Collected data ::
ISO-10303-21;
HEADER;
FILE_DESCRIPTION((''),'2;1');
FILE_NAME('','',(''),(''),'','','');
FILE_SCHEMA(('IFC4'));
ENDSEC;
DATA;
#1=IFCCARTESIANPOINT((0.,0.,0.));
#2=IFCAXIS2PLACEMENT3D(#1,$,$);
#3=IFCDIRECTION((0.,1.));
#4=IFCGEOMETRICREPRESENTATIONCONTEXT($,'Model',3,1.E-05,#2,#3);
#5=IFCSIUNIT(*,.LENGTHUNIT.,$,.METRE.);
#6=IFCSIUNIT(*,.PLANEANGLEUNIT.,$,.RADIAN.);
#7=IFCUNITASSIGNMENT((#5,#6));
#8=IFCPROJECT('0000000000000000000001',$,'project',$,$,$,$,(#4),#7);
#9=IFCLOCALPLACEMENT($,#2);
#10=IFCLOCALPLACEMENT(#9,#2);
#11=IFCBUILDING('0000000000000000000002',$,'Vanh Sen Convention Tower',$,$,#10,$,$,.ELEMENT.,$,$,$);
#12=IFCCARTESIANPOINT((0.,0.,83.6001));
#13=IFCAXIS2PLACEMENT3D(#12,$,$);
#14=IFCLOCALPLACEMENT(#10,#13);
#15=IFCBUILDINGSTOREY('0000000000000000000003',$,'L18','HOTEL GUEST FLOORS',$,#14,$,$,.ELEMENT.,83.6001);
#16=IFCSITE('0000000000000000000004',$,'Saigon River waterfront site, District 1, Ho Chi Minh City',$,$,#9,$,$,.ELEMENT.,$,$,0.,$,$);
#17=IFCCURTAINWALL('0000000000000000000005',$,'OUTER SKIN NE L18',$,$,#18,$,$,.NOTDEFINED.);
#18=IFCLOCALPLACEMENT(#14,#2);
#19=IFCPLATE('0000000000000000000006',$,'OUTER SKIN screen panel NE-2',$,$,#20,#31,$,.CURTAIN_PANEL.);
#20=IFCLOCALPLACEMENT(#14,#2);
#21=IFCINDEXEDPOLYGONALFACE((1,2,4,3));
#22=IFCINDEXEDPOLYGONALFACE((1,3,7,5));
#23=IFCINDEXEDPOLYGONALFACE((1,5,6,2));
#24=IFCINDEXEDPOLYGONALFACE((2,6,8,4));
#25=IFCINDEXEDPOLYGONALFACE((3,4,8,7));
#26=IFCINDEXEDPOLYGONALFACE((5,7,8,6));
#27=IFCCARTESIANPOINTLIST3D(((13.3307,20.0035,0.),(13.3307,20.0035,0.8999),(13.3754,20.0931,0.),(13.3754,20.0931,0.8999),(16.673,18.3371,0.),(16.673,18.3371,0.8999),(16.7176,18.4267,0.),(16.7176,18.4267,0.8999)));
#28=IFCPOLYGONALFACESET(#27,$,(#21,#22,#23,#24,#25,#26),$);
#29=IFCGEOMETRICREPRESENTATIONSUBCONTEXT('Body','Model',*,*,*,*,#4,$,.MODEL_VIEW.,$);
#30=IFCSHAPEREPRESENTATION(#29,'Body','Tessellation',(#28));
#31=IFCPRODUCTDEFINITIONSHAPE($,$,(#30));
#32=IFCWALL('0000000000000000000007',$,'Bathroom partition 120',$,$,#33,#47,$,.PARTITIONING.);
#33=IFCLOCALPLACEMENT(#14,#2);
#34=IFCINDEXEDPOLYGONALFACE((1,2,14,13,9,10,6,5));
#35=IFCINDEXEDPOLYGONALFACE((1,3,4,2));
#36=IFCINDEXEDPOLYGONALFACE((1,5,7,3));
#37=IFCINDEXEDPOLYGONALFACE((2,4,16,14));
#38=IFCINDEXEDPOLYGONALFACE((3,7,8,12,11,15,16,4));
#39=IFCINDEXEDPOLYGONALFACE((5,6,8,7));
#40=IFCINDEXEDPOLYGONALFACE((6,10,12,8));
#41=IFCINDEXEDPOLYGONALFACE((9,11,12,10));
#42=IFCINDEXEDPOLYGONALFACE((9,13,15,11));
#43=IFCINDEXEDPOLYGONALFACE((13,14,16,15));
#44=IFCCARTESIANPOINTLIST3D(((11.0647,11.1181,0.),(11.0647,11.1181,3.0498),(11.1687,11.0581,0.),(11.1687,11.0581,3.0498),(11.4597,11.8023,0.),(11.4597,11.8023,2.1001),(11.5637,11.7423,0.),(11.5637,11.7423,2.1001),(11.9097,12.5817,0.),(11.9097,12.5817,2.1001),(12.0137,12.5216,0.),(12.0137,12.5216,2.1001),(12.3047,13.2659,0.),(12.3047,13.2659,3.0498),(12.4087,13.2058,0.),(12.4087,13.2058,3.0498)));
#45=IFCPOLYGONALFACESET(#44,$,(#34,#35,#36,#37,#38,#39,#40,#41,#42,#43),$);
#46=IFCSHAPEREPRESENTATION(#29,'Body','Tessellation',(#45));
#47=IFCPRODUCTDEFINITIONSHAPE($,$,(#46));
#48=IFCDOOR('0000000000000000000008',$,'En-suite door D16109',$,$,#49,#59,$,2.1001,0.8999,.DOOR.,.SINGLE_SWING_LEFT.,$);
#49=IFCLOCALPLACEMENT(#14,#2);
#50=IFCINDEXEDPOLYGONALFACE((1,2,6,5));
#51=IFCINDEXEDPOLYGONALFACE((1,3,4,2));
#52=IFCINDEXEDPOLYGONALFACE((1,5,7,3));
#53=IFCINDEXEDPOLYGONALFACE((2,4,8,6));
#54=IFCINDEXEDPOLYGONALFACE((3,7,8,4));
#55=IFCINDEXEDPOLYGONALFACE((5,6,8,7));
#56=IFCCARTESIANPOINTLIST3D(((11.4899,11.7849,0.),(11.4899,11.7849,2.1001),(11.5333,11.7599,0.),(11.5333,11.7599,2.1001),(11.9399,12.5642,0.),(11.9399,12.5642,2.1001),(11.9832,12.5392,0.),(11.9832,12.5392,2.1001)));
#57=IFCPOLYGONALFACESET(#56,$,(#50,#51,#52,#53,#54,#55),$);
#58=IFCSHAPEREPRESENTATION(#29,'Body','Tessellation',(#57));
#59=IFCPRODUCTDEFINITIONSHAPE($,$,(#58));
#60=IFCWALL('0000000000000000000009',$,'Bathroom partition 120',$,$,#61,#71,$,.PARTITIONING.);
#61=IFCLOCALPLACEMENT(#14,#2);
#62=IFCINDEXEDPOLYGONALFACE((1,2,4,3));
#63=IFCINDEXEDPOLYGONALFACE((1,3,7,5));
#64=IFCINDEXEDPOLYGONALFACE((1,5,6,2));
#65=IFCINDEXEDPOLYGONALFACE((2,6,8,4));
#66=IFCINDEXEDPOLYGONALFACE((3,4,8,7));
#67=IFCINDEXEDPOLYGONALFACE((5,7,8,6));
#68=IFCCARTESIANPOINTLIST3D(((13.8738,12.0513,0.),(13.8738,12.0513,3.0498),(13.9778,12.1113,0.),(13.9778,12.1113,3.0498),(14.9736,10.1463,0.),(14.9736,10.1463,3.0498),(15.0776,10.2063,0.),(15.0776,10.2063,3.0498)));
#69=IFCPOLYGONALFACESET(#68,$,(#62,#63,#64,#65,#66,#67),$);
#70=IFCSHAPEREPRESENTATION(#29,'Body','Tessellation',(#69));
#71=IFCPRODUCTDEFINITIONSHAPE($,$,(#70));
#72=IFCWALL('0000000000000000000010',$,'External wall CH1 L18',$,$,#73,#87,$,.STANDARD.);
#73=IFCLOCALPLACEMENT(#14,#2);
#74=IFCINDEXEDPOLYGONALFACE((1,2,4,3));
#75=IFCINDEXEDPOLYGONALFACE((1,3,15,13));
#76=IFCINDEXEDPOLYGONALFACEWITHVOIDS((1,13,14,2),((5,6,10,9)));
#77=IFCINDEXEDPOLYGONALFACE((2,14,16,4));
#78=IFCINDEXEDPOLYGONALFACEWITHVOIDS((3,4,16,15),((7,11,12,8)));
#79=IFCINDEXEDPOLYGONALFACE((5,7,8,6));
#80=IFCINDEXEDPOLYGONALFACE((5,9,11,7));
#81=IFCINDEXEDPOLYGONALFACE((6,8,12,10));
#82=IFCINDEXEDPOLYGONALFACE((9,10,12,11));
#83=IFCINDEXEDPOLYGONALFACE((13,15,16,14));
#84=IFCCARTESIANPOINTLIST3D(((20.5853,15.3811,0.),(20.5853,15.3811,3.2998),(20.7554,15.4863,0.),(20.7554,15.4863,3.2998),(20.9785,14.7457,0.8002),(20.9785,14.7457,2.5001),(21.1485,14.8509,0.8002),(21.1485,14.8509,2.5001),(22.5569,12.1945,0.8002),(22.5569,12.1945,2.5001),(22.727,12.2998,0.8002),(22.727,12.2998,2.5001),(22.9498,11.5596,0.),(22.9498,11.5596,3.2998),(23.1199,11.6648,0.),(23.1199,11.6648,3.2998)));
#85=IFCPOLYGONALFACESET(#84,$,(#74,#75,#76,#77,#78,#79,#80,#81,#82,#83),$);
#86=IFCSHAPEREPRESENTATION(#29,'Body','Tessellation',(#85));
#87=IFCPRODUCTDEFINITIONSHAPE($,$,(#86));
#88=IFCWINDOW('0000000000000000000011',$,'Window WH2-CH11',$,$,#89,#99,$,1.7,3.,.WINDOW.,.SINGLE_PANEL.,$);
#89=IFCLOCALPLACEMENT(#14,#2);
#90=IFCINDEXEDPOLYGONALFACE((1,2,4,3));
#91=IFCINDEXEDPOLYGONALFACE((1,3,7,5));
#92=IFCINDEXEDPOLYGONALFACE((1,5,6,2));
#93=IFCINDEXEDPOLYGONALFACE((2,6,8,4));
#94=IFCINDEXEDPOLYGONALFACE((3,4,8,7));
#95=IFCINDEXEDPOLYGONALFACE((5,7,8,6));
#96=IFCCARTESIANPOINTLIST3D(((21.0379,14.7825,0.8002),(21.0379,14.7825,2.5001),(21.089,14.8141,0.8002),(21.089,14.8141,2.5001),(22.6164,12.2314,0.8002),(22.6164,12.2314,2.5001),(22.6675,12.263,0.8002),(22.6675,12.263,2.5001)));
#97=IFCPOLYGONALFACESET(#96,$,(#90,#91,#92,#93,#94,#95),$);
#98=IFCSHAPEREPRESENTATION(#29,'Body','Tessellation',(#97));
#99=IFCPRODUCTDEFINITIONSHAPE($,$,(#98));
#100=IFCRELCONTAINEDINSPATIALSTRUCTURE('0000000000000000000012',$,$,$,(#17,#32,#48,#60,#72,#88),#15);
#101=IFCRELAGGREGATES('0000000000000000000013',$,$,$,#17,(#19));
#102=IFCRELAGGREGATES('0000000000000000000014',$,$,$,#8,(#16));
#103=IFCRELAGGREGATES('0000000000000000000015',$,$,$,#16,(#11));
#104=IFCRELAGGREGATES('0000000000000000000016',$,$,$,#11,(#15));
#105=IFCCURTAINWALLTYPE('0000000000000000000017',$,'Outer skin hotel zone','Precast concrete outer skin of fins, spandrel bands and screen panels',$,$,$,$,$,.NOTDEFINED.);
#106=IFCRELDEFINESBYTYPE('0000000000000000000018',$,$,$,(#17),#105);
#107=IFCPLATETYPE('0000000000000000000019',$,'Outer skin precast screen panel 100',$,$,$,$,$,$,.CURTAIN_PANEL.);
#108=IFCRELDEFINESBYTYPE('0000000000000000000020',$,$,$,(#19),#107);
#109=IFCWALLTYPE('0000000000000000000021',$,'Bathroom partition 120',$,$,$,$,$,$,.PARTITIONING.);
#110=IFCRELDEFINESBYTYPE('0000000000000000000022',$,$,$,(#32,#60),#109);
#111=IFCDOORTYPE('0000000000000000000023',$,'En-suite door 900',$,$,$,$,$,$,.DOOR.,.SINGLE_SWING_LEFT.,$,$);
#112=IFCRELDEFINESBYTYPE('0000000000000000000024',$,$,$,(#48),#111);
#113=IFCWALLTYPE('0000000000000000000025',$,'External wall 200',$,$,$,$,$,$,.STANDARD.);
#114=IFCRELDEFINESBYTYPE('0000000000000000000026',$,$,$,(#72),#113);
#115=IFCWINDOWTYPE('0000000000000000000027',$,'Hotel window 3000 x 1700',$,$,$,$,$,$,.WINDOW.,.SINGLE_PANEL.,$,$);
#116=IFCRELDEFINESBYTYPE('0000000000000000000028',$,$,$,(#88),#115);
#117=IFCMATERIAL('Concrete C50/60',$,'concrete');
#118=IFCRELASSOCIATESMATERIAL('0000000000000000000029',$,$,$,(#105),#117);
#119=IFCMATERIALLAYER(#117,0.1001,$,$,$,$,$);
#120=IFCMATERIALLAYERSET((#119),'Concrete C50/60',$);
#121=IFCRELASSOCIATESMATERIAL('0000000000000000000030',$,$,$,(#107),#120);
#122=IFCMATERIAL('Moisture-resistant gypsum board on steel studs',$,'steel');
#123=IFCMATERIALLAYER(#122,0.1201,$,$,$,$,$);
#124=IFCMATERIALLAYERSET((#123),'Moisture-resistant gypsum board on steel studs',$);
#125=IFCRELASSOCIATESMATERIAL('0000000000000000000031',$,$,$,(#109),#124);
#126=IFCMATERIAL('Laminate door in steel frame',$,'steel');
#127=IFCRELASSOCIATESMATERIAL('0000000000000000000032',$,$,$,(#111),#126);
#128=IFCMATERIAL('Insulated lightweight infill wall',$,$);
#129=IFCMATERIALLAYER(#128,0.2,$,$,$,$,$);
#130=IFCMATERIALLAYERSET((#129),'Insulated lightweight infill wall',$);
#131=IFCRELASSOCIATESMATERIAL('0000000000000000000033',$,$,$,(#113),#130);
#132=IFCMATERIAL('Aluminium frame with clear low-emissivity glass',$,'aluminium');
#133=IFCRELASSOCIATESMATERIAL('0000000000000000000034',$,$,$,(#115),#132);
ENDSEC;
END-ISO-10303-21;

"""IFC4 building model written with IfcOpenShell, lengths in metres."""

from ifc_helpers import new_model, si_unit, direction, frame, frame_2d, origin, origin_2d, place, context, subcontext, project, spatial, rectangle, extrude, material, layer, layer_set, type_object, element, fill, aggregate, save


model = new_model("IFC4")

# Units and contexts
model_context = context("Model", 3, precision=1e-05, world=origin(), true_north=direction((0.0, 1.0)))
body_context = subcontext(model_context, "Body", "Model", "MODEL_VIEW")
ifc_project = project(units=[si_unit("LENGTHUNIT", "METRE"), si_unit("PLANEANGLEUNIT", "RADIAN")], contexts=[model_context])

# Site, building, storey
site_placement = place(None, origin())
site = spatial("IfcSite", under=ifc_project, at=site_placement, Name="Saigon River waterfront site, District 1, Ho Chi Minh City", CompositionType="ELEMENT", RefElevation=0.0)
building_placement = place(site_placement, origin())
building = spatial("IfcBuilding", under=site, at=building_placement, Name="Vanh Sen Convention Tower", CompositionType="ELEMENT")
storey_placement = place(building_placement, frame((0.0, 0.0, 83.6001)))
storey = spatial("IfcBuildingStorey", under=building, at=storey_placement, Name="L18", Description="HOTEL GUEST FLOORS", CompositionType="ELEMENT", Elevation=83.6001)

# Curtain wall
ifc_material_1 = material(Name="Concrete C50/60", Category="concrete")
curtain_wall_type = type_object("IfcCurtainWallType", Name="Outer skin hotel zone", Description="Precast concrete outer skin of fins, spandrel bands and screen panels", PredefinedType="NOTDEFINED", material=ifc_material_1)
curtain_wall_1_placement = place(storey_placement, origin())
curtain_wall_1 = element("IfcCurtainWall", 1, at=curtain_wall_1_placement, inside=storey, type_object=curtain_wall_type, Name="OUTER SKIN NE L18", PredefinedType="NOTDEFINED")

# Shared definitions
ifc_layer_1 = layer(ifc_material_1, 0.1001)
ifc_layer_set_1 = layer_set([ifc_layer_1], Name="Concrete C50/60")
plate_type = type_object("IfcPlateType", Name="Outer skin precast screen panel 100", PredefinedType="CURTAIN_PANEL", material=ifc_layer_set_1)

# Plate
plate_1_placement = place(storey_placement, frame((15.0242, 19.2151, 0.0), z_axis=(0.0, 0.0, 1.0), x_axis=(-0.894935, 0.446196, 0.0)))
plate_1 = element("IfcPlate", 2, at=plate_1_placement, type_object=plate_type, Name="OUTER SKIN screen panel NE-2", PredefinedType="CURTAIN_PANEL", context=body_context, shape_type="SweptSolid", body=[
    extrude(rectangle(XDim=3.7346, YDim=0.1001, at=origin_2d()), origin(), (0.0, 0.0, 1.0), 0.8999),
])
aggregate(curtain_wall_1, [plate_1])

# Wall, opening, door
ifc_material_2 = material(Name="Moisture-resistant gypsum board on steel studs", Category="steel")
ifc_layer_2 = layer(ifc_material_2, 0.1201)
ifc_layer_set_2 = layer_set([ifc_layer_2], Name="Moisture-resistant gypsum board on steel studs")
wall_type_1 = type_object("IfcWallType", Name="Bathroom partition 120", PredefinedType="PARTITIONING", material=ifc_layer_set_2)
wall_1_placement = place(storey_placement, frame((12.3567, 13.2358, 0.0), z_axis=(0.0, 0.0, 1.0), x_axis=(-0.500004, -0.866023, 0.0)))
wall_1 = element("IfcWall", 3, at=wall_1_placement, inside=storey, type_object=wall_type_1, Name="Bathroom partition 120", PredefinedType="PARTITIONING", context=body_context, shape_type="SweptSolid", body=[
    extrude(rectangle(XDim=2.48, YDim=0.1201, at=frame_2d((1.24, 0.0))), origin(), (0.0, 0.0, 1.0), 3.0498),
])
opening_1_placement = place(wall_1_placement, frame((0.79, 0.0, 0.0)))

---

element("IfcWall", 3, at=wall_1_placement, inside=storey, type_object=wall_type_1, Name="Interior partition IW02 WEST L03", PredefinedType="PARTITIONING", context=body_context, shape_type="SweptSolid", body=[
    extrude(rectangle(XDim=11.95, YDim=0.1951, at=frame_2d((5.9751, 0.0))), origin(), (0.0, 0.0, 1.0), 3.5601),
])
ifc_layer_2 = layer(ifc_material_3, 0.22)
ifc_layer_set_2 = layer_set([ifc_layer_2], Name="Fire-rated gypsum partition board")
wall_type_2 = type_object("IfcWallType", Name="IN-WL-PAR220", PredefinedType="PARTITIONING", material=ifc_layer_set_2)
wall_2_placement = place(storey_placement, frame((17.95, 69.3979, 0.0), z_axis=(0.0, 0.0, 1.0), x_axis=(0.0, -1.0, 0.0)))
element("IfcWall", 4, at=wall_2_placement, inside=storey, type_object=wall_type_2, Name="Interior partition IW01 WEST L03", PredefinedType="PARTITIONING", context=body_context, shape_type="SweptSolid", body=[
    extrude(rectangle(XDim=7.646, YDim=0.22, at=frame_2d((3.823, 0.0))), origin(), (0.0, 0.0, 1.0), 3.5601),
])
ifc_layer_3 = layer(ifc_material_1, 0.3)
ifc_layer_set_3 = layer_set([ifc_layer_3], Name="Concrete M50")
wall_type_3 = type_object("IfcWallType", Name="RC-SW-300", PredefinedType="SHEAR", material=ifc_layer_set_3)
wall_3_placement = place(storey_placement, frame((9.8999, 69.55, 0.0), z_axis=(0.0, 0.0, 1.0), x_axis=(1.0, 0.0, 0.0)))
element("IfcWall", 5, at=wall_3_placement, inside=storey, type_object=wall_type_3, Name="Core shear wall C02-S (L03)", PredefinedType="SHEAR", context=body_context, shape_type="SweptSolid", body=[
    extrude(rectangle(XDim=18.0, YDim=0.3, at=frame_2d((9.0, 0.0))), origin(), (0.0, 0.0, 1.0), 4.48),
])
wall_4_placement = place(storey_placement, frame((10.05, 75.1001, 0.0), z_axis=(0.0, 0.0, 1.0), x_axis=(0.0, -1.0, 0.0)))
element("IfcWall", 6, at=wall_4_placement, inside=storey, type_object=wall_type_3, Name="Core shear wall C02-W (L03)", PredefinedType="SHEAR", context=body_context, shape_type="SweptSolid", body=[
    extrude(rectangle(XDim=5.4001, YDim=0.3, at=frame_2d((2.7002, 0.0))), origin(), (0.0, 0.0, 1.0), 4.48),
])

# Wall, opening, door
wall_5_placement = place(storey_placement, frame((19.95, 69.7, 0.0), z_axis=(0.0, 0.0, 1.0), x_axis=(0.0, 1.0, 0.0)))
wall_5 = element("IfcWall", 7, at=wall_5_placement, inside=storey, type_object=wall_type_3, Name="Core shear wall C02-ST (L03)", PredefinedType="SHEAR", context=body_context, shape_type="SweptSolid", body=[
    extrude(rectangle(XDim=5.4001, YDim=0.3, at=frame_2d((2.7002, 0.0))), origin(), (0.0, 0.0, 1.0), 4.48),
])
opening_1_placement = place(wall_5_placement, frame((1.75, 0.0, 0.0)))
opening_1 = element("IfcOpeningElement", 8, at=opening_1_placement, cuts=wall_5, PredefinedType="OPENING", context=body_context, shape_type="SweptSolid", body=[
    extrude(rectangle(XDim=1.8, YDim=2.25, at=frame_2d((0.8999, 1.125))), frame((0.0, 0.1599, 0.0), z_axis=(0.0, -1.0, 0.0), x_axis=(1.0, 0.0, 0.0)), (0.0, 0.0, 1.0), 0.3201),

TASK PROMPT ::
After locating the line holding "FILE_DESCRIPTION((''),'2;1');" above, output exactly that line and every line after it through the line holding "#20=IFCLOCALPLACEMENT(#14,#2);". Include nothing else.

WRITTEN ANSWER ::
FILE_DESCRIPTION((''),'2;1');
FILE_NAME('','',(''),(''),'','','');
FILE_SCHEMA(('IFC4'));
ENDSEC;
DATA;
#1=IFCCARTESIANPOINT((0.,0.,0.));
#2=IFCAXIS2PLACEMENT3D(#1,$,$);
#3=IFCDIRECTION((0.,1.));
#4=IFCGEOMETRICREPRESENTATIONCONTEXT($,'Model',3,1.E-05,#2,#3);
#5=IFCSIUNIT(*,.LENGTHUNIT.,$,.METRE.);
#6=IFCSIUNIT(*,.PLANEANGLEUNIT.,$,.RADIAN.);
#7=IFCUNITASSIGNMENT((#5,#6));
#8=IFCPROJECT('0000000000000000000001',$,'project',$,$,$,$,(#4),#7);
#9=IFCLOCALPLACEMENT($,#2);
#10=IFCLOCALPLACEMENT(#9,#2);
#11=IFCBUILDING('0000000000000000000002',$,'Vanh Sen Convention Tower',$,$,#10,$,$,.ELEMENT.,$,$,$);
#12=IFCCARTESIANPOINT((0.,0.,83.6001));
#13=IFCAXIS2PLACEMENT3D(#12,$,$);
#14=IFCLOCALPLACEMENT(#10,#13);
#15=IFCBUILDINGSTOREY('0000000000000000000003',$,'L18','HOTEL GUEST FLOORS',$,#14,$,$,.ELEMENT.,83.6001);
#16=IFCSITE('0000000000000000000004',$,'Saigon River waterfront site, District 1, Ho Chi Minh City',$,$,#9,$,$,.ELEMENT.,$,$,0.,$,$);
#17=IFCCURTAINWALL('0000000000000000000005',$,'OUTER SKIN NE L18',$,$,#18,$,$,.NOTDEFINED.);
#18=IFCLOCALPLACEMENT(#14,#2);
#19=IFCPLATE('0000000000000000000006',$,'OUTER SKIN screen panel NE-2',$,$,#20,#31,$,.CURTAIN_PANEL.);
#20=IFCLOCALPLACEMENT(#14,#2);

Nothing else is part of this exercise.